■ **Entries shown**
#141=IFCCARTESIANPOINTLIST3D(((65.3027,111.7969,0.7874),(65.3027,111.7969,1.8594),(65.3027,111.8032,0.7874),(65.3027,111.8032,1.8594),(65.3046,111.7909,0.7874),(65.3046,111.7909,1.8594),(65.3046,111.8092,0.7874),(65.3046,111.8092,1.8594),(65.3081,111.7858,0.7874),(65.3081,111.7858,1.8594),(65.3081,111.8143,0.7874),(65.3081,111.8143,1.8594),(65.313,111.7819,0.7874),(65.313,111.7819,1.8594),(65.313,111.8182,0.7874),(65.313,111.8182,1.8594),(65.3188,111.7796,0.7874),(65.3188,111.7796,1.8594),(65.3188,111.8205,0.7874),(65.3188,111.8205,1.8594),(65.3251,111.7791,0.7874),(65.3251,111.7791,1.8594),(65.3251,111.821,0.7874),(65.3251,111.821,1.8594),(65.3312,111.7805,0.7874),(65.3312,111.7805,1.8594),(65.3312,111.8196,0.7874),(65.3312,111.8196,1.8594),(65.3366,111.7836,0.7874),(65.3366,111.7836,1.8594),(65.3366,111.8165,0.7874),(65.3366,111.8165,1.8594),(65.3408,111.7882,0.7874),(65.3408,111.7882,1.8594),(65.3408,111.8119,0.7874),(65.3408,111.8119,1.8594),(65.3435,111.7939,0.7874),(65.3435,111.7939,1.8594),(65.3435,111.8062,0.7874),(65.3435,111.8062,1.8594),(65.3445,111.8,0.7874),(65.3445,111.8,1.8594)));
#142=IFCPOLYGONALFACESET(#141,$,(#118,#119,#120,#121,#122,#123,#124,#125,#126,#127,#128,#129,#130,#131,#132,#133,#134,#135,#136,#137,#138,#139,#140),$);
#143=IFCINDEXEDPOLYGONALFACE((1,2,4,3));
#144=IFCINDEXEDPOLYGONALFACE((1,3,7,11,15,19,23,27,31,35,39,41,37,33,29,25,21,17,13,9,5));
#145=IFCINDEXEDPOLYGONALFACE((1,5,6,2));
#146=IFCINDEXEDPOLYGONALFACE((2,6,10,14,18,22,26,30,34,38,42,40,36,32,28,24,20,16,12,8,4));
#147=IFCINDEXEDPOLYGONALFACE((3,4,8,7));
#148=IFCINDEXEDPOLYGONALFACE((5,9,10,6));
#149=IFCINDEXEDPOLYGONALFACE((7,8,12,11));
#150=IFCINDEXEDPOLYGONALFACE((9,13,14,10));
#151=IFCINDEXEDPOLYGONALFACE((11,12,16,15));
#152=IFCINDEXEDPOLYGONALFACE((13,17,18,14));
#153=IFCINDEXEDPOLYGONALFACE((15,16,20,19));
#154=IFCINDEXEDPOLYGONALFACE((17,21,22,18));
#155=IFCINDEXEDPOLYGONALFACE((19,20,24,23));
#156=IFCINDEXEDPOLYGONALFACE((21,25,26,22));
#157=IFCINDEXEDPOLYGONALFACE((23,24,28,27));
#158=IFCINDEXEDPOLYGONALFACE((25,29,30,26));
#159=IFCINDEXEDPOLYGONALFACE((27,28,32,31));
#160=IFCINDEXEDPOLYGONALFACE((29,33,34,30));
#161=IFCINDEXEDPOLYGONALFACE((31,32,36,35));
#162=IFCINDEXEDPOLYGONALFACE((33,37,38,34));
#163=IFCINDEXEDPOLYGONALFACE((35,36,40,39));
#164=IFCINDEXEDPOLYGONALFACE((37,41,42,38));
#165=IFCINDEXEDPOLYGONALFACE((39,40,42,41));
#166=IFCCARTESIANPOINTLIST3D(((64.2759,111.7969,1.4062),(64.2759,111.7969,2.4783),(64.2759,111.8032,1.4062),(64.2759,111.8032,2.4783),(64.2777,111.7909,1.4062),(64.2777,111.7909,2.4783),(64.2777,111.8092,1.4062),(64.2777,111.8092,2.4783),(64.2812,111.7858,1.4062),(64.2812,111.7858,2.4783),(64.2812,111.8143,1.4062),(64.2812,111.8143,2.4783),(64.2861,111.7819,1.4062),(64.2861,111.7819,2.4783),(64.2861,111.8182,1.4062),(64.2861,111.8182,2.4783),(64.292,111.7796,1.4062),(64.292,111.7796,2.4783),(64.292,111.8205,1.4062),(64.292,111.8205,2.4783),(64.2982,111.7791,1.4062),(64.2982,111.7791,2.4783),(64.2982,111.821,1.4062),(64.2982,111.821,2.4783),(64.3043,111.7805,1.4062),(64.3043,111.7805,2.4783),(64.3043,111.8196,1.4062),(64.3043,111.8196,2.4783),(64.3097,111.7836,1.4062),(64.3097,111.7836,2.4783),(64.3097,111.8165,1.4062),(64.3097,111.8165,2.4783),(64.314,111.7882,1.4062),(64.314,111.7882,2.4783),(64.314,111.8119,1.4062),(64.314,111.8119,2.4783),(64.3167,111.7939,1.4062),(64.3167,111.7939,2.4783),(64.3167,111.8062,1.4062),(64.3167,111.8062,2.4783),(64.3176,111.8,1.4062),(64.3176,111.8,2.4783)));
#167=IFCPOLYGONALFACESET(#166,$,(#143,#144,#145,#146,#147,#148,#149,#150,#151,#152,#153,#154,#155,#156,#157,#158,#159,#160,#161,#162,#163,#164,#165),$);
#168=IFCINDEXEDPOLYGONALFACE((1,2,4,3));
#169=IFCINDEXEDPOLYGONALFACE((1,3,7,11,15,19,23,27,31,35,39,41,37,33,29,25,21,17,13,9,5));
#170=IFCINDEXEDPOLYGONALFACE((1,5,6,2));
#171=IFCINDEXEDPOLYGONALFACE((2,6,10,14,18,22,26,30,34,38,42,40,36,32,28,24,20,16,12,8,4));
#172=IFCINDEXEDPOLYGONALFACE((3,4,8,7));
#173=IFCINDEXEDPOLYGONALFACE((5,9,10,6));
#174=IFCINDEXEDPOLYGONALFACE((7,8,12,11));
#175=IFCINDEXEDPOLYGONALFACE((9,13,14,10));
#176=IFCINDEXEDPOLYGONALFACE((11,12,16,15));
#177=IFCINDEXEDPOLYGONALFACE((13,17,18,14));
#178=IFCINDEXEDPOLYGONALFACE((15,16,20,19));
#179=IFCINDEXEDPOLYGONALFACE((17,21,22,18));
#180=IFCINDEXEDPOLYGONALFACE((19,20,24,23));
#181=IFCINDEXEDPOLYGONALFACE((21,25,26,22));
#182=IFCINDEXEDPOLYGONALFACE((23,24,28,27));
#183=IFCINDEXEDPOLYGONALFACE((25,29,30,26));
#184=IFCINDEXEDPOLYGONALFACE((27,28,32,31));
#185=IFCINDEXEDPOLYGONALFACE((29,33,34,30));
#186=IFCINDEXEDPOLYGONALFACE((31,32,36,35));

==

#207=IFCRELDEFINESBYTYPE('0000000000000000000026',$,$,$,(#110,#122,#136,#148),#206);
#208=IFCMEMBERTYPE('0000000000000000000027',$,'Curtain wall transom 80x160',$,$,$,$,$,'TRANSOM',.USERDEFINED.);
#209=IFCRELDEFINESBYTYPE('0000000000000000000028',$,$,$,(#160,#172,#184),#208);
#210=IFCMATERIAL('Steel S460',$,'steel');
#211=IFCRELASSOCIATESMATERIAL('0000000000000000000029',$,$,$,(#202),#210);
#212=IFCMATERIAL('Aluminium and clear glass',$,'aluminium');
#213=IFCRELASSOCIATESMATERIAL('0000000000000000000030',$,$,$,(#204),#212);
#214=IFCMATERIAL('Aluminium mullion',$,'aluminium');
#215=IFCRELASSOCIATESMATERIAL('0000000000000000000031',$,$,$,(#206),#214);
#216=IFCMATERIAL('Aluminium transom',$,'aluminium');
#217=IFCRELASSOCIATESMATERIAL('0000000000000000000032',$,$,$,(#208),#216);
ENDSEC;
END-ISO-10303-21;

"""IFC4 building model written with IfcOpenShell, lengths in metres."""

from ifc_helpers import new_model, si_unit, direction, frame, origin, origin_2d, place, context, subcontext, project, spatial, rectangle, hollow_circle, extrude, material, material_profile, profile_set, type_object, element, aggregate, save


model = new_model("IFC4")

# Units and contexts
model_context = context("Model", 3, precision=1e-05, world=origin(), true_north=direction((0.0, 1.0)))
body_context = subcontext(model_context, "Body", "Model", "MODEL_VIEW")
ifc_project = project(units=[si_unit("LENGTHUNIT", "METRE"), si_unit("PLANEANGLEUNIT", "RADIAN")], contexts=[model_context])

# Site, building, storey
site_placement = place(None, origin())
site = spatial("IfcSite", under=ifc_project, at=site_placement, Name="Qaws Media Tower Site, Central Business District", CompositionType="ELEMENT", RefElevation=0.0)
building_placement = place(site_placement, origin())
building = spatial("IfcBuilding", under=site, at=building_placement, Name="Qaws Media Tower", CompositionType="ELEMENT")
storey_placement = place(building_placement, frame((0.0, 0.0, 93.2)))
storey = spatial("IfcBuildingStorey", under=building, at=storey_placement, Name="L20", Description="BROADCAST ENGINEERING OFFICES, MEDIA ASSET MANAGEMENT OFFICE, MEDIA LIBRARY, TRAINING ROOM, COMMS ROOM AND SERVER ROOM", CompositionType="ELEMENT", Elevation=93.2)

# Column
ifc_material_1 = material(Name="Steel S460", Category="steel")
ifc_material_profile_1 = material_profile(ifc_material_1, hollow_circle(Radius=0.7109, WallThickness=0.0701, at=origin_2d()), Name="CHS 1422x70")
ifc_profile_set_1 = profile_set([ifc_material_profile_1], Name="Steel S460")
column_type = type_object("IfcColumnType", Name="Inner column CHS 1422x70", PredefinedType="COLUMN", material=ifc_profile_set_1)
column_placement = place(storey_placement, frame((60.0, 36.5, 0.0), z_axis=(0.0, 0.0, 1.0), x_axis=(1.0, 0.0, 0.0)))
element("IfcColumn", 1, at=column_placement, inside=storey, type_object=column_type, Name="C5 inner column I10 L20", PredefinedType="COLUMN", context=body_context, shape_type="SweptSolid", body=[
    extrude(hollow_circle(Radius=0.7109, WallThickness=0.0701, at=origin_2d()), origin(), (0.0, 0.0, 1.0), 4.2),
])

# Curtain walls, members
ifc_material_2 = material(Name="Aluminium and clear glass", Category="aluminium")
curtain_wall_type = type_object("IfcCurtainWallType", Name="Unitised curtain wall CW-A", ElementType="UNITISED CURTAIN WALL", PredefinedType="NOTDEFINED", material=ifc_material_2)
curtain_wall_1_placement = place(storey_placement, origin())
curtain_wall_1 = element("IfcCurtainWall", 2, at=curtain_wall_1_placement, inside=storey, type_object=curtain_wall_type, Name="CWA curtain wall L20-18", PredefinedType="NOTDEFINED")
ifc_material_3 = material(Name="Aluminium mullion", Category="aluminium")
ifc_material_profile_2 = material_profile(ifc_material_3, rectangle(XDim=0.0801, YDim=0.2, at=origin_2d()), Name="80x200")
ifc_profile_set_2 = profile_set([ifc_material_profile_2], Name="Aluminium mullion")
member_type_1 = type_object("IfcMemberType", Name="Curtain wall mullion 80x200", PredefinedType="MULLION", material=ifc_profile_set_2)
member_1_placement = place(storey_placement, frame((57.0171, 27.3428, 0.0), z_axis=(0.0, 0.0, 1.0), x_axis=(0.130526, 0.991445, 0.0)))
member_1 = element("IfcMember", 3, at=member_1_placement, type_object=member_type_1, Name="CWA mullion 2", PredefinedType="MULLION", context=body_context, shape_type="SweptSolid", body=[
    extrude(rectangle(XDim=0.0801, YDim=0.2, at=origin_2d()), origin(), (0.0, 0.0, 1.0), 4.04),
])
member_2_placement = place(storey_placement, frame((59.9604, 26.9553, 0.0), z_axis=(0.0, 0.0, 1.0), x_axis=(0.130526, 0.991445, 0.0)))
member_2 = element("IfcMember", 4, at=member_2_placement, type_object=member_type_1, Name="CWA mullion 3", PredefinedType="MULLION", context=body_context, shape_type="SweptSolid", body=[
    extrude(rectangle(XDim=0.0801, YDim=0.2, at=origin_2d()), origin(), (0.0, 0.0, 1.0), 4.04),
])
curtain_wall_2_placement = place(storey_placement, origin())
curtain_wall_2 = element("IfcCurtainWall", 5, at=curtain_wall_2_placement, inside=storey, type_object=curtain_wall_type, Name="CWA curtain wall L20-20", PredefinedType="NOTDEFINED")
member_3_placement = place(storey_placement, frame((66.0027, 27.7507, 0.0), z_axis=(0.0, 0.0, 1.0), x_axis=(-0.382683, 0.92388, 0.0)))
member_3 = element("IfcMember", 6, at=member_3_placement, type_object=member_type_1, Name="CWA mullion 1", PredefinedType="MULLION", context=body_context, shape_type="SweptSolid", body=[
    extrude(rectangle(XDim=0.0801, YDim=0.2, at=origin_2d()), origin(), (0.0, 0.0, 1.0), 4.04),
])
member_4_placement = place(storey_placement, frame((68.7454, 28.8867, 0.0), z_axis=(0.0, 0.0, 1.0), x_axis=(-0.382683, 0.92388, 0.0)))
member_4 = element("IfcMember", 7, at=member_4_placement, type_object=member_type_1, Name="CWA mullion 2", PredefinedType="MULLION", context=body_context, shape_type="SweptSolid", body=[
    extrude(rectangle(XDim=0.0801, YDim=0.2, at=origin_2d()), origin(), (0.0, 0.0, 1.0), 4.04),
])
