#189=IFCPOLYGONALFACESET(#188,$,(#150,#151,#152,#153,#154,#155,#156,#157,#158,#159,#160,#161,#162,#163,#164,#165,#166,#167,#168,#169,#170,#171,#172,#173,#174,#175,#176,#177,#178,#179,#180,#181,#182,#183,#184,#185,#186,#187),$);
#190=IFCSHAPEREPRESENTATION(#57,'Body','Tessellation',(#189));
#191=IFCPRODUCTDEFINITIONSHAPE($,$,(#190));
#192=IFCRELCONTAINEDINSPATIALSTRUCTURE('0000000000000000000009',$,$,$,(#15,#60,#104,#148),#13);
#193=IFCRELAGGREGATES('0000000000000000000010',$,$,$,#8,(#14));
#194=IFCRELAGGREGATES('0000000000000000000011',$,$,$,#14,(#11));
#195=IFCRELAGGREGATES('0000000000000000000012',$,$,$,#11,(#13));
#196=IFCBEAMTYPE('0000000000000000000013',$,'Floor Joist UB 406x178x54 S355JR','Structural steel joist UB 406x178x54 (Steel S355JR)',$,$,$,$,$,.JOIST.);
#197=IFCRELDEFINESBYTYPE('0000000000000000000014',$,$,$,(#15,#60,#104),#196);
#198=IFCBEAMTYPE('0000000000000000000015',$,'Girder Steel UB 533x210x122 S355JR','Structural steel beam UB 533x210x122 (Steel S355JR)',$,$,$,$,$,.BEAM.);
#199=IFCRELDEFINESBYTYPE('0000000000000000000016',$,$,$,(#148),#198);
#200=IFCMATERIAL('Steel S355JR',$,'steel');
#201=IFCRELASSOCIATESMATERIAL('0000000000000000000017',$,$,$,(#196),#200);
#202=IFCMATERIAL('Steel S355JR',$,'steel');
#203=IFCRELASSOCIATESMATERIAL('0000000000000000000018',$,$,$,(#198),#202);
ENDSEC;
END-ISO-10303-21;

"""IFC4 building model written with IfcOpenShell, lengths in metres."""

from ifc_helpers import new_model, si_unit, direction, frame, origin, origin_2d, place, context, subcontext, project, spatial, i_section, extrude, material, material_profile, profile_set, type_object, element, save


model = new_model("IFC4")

■ **Problem to solve**
Every line above that includes the word "IFCBEAMTYPE" must appear in the answer.

■ **Task result**
#196=IFCBEAMTYPE('0000000000000000000013',$,'Floor Joist UB 406x178x54 S355JR','Structural steel joist UB 406x178x54 (Steel S355JR)',$,$,$,$,$,.JOIST.);
#198=IFCBEAMTYPE('0000000000000000000015',$,'Girder Steel UB 533x210x122 S355JR','Structural steel beam UB 533x210x122 (Steel S355JR)',$,$,$,$,$,.BEAM.);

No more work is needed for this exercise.